» **Your task**:
Once the line with "#172=IFCRELAGGREGATES('0000000000000000000009',$,$,$,#8,(#16));" is found in the entries below, repeat it and each following line exactly, up to and including the line with "# Units and contexts". Add no other lines.

*** Opening of Input for this task ***

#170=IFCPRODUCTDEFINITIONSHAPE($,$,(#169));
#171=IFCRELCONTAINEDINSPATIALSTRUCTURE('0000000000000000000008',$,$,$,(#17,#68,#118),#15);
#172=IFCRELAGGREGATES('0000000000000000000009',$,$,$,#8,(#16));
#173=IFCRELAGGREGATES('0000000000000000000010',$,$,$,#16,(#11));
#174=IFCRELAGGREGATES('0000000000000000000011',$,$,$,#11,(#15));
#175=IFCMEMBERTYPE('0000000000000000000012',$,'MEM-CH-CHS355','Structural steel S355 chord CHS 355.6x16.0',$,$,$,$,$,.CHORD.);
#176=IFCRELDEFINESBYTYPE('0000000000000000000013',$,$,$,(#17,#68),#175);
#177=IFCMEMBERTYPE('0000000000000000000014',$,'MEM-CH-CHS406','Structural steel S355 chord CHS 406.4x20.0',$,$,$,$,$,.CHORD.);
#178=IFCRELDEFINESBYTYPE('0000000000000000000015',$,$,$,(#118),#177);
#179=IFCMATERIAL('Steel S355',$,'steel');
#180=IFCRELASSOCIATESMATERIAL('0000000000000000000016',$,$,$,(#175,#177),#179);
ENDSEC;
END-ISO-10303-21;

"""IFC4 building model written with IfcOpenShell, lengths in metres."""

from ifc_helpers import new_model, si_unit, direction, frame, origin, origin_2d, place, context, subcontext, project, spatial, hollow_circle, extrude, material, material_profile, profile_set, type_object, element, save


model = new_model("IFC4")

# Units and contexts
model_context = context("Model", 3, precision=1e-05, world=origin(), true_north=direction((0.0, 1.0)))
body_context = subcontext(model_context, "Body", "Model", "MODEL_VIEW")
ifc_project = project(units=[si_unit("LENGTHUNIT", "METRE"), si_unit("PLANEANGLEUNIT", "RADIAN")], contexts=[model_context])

*** Close of Input for this task ***

» **Solution**:
#172=IFCRELAGGREGATES('0000000000000000000009',$,$,$,#8,(#16));
#173=IFCRELAGGREGATES('0000000000000000000010',$,$,$,#16,(#11));
#174=IFCRELAGGREGATES('0000000000000000000011',$,$,$,#11,(#15));
#175=IFCMEMBERTYPE('0000000000000000000012',$,'MEM-CH-CHS355','Structural steel S355 chord CHS 355.6x16.0',$,$,$,$,$,.CHORD.);
#176=IFCRELDEFINESBYTYPE('0000000000000000000013',$,$,$,(#17,#68),#175);
#177=IFCMEMBERTYPE('0000000000000000000014',$,'MEM-CH-CHS406','Structural steel S355 chord CHS 406.4x20.0',$,$,$,$,$,.CHORD.);
#178=IFCRELDEFINESBYTYPE('0000000000000000000015',$,$,$,(#118),#177);
#179=IFCMATERIAL('Steel S355',$,'steel');
#180=IFCRELASSOCIATESMATERIAL('0000000000000000000016',$,$,$,(#175,#177),#179);
ENDSEC;
END-ISO-10303-21;

"""IFC4 building model written with IfcOpenShell, lengths in metres."""

from ifc_helpers import new_model, si_unit, direction, frame, origin, origin_2d, place, context, subcontext, project, spatial, hollow_circle, extrude, material, material_profile, profile_set, type_object, element, save


model = new_model("IFC4")

# Units and contexts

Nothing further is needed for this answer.